**Task statement**
Copy each line of the material below that includes the string "entity".

**Raw data**
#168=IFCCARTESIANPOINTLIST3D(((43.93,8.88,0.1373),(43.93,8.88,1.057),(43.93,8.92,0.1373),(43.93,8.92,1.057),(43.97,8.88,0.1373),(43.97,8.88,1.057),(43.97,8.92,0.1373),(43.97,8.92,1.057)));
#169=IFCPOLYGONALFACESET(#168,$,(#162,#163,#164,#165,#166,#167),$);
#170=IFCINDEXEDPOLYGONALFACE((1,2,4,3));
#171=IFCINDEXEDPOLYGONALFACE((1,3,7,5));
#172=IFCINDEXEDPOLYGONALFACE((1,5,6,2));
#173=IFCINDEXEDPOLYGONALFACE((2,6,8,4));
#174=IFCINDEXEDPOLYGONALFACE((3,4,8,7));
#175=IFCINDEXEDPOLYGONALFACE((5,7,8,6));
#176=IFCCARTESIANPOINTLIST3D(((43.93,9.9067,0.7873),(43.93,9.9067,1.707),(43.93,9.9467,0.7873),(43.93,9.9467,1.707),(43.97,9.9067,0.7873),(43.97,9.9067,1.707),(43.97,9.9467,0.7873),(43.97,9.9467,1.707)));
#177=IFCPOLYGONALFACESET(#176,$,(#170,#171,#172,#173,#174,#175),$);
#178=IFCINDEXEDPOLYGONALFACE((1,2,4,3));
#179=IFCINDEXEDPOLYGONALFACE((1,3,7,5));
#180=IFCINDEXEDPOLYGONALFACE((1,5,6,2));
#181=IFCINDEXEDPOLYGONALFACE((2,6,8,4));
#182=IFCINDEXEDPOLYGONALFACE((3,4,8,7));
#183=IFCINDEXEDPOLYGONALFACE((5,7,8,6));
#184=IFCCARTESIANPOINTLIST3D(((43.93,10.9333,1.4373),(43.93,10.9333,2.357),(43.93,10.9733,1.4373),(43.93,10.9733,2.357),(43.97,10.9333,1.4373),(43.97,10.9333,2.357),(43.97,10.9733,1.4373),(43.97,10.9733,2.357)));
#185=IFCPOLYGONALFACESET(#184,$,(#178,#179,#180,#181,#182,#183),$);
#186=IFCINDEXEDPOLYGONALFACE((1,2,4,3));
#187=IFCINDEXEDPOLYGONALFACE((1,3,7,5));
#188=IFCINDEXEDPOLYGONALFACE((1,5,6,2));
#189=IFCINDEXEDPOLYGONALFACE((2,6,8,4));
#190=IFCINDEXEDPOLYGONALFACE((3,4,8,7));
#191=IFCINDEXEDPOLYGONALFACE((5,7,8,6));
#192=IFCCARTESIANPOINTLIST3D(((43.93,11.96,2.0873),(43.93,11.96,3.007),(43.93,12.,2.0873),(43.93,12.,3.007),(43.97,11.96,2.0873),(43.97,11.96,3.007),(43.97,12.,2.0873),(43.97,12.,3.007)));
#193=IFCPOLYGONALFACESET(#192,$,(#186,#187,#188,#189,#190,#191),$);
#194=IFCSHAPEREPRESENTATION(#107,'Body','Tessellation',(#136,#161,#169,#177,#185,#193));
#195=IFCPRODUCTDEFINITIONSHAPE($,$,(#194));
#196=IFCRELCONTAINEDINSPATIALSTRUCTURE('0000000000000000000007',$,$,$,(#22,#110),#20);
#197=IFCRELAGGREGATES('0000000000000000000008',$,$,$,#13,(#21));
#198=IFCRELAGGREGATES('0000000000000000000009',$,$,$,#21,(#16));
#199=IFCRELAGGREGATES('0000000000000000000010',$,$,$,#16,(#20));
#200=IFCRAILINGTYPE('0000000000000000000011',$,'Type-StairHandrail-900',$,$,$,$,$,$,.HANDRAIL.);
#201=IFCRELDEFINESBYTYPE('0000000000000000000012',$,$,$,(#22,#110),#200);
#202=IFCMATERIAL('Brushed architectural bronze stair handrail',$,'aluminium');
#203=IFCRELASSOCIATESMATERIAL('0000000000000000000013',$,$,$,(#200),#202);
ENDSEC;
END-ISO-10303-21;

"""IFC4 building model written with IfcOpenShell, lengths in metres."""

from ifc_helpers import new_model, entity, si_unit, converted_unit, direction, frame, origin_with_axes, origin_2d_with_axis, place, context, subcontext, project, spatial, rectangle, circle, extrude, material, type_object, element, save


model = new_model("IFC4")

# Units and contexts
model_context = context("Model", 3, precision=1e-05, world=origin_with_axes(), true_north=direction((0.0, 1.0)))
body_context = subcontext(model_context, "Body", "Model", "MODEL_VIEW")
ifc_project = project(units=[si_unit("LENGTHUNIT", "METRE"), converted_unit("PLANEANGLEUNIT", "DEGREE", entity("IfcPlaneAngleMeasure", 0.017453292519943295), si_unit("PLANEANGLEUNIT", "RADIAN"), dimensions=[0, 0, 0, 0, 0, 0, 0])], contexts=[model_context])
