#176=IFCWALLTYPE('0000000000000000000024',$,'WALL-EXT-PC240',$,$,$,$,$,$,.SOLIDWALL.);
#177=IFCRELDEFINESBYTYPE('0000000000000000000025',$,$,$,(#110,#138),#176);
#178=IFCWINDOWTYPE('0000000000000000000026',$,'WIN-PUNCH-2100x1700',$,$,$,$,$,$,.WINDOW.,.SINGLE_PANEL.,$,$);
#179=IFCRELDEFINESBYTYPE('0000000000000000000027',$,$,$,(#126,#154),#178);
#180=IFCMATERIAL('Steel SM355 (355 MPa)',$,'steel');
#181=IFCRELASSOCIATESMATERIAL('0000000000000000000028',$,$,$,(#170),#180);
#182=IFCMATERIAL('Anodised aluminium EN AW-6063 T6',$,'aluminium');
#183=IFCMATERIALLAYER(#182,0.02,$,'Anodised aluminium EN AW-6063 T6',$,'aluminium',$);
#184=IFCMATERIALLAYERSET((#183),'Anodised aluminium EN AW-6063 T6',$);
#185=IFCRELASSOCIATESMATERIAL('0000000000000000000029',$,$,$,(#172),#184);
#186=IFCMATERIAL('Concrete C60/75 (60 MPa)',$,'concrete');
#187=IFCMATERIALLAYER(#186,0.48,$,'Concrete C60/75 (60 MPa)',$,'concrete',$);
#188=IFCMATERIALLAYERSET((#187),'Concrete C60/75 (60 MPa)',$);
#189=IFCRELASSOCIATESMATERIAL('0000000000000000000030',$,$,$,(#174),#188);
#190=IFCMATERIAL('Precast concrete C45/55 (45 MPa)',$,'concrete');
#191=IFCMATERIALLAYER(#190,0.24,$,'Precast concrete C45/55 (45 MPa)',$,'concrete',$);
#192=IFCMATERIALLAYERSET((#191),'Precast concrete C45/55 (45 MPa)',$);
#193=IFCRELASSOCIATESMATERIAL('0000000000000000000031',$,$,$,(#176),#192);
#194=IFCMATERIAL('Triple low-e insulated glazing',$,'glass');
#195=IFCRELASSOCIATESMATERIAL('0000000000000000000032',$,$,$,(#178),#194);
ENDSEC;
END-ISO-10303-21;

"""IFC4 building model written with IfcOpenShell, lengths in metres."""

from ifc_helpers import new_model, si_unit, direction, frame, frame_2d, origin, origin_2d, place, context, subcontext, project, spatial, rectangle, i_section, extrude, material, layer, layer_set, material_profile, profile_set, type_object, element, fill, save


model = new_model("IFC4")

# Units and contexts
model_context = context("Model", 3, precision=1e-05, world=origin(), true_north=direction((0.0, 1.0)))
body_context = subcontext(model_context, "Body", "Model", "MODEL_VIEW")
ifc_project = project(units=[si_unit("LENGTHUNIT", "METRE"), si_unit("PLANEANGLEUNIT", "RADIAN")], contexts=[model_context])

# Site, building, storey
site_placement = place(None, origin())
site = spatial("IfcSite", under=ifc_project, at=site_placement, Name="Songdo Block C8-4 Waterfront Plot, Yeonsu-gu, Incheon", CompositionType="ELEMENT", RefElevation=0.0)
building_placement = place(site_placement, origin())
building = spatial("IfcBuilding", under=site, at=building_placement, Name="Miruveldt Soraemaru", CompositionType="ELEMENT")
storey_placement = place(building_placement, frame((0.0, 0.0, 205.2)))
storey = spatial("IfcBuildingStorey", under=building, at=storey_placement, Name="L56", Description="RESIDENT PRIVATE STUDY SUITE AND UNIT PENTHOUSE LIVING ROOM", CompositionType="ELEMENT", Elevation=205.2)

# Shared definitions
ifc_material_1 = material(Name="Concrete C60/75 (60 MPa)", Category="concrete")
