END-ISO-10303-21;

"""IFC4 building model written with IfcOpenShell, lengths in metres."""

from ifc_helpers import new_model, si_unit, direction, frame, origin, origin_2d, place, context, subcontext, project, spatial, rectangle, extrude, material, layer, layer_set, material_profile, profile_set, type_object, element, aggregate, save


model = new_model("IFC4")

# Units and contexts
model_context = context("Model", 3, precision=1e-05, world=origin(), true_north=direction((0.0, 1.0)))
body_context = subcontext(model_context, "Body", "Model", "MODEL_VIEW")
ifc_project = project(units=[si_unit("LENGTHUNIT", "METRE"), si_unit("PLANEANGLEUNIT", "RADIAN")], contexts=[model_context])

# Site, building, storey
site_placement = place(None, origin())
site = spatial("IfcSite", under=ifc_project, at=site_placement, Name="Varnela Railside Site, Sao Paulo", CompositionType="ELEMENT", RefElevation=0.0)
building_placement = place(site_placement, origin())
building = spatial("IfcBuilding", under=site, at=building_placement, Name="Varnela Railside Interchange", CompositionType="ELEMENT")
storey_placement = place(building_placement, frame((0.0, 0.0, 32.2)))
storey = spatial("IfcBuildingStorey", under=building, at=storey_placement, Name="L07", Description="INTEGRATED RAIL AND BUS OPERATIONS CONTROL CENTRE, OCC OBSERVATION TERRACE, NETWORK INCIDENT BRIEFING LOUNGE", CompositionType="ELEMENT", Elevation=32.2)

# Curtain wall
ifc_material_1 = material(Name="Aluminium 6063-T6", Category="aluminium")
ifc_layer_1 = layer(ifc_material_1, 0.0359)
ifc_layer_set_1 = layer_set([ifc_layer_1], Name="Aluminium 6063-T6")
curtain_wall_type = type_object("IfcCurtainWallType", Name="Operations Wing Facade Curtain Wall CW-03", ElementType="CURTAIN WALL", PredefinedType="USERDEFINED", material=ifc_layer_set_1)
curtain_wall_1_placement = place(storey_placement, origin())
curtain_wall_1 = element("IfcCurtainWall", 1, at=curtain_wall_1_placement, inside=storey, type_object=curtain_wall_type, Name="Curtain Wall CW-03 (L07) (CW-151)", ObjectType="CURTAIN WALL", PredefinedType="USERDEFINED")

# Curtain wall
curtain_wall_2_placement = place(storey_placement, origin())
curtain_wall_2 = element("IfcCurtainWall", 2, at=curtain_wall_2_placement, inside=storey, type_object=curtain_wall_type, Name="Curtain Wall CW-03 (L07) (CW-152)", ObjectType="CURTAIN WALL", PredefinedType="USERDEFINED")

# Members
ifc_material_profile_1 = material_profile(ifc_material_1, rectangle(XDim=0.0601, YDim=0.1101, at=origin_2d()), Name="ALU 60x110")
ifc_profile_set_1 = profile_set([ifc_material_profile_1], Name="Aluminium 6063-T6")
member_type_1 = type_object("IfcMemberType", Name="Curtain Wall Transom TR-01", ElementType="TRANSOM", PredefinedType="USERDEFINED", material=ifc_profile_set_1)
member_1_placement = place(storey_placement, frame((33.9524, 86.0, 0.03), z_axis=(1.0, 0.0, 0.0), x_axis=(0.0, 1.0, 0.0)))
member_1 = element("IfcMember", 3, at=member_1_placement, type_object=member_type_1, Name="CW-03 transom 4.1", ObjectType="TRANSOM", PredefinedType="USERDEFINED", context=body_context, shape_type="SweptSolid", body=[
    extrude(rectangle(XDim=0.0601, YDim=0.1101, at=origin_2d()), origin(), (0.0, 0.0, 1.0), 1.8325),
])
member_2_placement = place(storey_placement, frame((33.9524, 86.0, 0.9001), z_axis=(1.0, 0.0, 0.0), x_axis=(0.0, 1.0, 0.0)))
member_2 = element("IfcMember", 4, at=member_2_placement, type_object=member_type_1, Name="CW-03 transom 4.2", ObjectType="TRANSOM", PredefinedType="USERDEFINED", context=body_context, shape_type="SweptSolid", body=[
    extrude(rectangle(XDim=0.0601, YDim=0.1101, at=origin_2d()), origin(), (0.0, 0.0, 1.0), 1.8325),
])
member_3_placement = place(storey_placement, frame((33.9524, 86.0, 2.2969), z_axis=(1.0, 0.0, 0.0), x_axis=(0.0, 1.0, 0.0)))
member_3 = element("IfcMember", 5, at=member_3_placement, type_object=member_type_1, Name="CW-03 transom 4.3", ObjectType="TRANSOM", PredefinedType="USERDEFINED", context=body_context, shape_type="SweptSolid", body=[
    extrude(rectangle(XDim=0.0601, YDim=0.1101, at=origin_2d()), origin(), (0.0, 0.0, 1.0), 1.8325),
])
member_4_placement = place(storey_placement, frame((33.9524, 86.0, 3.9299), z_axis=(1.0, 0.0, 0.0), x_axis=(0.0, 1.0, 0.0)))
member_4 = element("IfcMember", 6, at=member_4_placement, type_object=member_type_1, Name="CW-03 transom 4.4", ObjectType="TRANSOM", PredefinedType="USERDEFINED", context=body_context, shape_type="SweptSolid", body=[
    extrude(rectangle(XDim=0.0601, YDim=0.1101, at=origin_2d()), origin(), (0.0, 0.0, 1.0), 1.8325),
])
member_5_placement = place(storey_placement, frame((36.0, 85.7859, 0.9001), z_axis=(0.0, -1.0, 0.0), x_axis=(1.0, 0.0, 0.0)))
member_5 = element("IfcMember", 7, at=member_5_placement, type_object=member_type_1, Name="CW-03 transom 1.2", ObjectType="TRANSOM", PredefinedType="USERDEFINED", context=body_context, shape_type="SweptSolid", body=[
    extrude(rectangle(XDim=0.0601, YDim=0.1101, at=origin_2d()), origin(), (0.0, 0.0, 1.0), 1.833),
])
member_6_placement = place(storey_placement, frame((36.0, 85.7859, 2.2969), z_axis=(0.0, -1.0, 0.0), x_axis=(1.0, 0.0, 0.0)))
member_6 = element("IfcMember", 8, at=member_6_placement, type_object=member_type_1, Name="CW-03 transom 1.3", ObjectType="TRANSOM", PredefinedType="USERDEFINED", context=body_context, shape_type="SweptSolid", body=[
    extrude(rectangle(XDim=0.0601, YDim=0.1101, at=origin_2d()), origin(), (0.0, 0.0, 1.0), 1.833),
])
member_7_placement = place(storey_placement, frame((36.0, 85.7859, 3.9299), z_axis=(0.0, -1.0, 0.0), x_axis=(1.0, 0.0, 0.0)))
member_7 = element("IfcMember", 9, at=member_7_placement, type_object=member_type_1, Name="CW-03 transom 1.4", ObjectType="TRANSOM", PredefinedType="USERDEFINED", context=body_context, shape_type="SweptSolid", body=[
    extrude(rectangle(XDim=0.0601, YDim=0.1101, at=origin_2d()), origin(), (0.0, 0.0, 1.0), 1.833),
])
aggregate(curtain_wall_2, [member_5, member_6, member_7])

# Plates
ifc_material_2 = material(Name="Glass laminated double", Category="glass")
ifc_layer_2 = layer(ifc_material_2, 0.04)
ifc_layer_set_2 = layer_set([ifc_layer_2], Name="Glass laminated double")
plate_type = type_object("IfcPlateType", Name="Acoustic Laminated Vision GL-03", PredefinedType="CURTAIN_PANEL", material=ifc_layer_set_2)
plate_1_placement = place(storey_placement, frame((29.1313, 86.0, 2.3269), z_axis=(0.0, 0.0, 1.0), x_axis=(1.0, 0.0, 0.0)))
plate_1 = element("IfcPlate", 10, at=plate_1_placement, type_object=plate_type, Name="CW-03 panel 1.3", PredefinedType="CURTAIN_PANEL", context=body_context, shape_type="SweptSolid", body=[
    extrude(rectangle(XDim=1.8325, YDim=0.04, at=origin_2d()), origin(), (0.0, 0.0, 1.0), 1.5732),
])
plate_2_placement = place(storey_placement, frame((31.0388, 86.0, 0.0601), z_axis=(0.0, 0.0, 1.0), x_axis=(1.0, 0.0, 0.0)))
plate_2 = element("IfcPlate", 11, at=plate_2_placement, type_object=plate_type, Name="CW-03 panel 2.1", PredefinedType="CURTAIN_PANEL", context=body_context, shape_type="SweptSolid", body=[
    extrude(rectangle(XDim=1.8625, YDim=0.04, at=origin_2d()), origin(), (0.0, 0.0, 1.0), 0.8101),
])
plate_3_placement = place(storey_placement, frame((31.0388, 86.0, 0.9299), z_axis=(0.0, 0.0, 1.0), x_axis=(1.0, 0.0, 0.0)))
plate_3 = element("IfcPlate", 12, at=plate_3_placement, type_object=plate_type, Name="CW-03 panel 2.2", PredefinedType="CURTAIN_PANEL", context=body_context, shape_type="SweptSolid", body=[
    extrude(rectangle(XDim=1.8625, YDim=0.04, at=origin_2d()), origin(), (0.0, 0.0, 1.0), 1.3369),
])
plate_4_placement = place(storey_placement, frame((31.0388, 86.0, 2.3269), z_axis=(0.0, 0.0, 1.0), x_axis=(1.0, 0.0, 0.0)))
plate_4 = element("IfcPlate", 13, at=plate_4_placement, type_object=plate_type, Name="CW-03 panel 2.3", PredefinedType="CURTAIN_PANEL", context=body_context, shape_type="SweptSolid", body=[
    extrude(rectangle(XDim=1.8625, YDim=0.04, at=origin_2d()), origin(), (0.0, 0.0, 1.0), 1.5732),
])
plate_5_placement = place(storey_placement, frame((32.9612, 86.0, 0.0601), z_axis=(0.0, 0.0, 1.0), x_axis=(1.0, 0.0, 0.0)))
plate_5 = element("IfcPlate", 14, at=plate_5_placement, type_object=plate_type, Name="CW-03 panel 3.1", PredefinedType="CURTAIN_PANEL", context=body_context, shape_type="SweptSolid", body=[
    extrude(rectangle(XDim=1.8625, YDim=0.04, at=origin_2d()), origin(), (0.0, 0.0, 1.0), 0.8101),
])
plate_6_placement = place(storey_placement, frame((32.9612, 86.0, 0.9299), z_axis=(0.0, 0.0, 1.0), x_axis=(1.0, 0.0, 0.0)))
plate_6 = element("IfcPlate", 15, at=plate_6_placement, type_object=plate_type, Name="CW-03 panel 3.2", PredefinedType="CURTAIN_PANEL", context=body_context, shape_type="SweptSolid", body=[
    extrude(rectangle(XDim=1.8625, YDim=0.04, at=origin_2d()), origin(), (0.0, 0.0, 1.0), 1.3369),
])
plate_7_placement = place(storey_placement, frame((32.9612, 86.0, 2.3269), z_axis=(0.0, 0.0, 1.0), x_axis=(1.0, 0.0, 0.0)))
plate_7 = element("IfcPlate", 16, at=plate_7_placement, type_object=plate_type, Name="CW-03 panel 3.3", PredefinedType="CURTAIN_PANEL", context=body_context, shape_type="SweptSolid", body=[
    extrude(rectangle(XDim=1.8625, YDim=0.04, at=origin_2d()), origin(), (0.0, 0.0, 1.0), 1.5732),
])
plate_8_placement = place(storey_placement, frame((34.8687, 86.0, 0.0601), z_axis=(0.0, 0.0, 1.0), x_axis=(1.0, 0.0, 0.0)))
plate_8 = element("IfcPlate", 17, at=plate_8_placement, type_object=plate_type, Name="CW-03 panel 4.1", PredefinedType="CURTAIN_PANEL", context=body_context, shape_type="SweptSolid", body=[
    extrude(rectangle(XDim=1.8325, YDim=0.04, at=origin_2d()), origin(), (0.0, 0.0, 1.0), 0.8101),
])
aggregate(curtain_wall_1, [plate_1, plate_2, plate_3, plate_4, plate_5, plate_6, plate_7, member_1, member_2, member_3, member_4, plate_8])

**Task result**
from ifc_helpers import new_model, entity, si_unit, converted_unit, direction, frame, origin_with_axes, origin_2d_with_axis, place, context, subcontext, project, spatial, rectangle, circle, extrude, material, type_object, element, save
ifc_project = project(units=[si_unit("LENGTHUNIT", "METRE"), converted_unit("PLANEANGLEUNIT", "DEGREE", entity("IfcPlaneAngleMeasure", 0.017453292519943295), si_unit("PLANEANGLEUNIT", "RADIAN"), dimensions=[0, 0, 0, 0, 0, 0, 0])], contexts=[model_context])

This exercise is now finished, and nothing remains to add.